Records for this task Start Marker

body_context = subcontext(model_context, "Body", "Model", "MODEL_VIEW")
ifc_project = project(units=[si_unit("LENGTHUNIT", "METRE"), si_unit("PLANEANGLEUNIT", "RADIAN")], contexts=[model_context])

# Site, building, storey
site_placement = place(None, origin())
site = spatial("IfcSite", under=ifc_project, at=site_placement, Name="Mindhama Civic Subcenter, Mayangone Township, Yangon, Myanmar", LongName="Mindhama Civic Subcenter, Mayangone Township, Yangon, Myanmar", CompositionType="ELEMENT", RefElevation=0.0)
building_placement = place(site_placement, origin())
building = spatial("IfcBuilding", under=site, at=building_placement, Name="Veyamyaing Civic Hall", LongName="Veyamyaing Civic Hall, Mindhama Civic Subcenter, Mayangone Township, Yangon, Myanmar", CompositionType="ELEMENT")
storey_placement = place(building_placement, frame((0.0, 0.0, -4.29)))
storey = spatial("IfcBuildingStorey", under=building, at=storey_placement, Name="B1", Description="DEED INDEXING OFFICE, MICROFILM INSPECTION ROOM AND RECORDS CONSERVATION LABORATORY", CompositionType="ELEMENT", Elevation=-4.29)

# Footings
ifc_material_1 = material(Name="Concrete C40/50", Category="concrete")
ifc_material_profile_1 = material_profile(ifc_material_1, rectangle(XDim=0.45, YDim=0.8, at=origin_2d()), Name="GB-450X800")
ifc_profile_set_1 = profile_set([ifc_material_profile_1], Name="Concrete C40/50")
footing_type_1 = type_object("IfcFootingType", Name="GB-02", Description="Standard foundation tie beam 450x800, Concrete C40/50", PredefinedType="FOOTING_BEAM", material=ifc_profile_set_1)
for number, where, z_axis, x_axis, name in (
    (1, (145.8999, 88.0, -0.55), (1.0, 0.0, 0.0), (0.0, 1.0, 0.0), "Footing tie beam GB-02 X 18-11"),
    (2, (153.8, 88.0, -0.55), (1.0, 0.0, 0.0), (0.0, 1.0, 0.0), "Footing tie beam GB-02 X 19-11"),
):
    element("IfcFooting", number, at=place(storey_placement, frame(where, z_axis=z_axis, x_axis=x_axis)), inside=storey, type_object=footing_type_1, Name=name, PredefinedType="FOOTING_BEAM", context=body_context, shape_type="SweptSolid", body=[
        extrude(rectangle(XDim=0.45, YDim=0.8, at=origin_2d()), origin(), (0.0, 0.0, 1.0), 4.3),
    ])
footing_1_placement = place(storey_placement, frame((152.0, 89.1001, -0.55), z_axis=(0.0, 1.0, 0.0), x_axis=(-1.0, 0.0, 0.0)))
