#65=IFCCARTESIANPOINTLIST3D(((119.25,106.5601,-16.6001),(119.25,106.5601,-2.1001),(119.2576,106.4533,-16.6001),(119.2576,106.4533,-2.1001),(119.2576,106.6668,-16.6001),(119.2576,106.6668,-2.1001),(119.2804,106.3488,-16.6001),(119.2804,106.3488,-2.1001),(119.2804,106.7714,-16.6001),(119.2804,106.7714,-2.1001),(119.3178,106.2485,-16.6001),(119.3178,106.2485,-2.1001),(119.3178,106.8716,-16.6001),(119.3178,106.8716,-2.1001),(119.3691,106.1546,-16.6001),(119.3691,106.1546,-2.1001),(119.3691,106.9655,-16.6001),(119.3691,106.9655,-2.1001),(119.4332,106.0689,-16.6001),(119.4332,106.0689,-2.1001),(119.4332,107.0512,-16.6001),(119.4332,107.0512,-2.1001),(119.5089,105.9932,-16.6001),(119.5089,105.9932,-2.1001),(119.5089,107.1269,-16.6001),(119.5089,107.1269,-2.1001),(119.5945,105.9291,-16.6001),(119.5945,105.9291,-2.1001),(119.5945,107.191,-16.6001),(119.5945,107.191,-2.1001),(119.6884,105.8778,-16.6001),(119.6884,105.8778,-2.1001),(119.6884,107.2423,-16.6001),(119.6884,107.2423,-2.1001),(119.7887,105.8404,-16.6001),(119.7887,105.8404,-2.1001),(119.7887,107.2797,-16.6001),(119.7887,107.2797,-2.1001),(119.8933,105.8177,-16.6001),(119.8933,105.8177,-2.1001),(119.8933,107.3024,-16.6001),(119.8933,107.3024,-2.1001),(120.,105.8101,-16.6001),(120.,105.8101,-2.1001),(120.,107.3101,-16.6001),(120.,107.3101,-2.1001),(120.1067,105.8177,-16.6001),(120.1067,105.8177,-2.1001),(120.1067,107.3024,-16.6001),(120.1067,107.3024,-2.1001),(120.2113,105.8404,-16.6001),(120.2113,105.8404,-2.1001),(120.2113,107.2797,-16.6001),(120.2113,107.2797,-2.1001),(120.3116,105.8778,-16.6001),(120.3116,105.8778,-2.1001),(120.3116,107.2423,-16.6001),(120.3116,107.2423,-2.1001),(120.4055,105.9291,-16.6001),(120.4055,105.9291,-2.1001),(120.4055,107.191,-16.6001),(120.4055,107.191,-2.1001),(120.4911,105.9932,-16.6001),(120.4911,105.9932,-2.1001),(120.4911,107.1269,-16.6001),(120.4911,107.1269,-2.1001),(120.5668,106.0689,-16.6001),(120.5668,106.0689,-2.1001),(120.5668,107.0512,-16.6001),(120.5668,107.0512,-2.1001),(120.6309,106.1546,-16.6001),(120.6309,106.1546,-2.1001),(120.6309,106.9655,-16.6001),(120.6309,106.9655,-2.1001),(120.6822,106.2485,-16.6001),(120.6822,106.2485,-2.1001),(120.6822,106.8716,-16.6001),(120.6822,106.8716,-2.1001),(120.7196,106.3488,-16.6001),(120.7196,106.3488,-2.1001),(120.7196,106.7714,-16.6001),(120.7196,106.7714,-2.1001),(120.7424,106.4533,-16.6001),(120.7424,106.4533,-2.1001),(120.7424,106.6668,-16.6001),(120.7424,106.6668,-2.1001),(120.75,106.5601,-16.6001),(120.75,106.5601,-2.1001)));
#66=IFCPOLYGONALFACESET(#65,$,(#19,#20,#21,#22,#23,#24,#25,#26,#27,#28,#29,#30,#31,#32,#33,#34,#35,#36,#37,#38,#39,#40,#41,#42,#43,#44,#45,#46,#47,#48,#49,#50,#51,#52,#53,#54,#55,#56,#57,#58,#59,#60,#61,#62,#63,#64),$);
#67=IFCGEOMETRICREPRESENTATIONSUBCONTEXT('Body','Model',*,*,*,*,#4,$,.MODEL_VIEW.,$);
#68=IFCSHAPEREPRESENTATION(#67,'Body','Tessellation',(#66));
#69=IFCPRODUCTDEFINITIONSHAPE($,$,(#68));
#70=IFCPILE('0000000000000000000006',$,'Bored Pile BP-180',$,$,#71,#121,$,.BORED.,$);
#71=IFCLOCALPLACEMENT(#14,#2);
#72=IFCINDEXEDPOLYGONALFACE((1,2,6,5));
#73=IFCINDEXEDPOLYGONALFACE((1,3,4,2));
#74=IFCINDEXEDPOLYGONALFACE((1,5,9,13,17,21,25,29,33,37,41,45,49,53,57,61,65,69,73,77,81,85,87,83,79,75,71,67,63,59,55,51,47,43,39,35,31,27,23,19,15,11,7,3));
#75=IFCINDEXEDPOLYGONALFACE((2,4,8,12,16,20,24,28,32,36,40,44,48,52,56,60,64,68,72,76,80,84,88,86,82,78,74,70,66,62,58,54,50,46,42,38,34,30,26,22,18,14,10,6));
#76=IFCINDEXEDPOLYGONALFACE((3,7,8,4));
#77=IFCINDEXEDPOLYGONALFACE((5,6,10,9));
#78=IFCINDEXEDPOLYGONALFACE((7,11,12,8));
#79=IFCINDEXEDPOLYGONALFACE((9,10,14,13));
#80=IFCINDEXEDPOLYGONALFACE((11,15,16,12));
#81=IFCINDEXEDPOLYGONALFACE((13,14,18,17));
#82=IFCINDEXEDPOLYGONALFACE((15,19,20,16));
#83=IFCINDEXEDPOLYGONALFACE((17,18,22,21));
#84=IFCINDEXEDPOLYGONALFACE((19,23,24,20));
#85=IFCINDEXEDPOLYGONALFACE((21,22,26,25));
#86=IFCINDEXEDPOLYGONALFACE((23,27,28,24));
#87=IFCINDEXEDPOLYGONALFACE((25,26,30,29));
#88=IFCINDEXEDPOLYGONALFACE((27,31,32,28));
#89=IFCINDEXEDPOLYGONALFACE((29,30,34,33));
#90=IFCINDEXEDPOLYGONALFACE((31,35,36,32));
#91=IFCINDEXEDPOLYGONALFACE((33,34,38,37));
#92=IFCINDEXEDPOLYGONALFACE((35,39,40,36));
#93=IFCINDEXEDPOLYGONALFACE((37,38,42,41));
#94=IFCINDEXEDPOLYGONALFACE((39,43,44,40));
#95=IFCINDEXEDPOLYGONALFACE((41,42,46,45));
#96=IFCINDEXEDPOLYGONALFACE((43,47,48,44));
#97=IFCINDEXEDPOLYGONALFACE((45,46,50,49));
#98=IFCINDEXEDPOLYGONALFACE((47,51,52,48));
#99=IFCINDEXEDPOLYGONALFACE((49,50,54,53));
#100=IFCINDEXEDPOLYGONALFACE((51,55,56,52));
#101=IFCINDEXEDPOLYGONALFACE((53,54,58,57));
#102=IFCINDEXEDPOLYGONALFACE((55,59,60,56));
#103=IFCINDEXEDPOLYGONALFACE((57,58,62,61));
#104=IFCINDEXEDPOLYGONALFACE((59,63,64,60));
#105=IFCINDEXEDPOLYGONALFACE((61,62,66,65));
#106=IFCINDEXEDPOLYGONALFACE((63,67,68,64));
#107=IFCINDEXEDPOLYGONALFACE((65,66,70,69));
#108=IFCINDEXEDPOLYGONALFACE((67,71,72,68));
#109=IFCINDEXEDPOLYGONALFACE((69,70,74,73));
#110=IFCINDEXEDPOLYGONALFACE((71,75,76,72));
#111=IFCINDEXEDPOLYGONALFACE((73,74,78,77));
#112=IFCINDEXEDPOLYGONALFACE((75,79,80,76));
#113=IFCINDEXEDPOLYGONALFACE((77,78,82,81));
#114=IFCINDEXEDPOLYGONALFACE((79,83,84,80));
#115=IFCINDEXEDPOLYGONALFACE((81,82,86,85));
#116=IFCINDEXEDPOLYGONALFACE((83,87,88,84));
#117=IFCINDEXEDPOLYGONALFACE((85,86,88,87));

Records for this task End Marker

Activity
Reproduce exactly the line that holds "#102=IFCINDEXEDPOLYGONALFACE((55,59,60,56));", then every line after it, ending with the final line of the records above.

Solution
#102=IFCINDEXEDPOLYGONALFACE((55,59,60,56));
#103=IFCINDEXEDPOLYGONALFACE((57,58,62,61));
#104=IFCINDEXEDPOLYGONALFACE((59,63,64,60));
#105=IFCINDEXEDPOLYGONALFACE((61,62,66,65));
#106=IFCINDEXEDPOLYGONALFACE((63,67,68,64));
#107=IFCINDEXEDPOLYGONALFACE((65,66,70,69));
#108=IFCINDEXEDPOLYGONALFACE((67,71,72,68));
#109=IFCINDEXEDPOLYGONALFACE((69,70,74,73));
#110=IFCINDEXEDPOLYGONALFACE((71,75,76,72));
#111=IFCINDEXEDPOLYGONALFACE((73,74,78,77));
#112=IFCINDEXEDPOLYGONALFACE((75,79,80,76));
#113=IFCINDEXEDPOLYGONALFACE((77,78,82,81));
#114=IFCINDEXEDPOLYGONALFACE((79,83,84,80));
#115=IFCINDEXEDPOLYGONALFACE((81,82,86,85));
#116=IFCINDEXEDPOLYGONALFACE((83,87,88,84));
#117=IFCINDEXEDPOLYGONALFACE((85,86,88,87));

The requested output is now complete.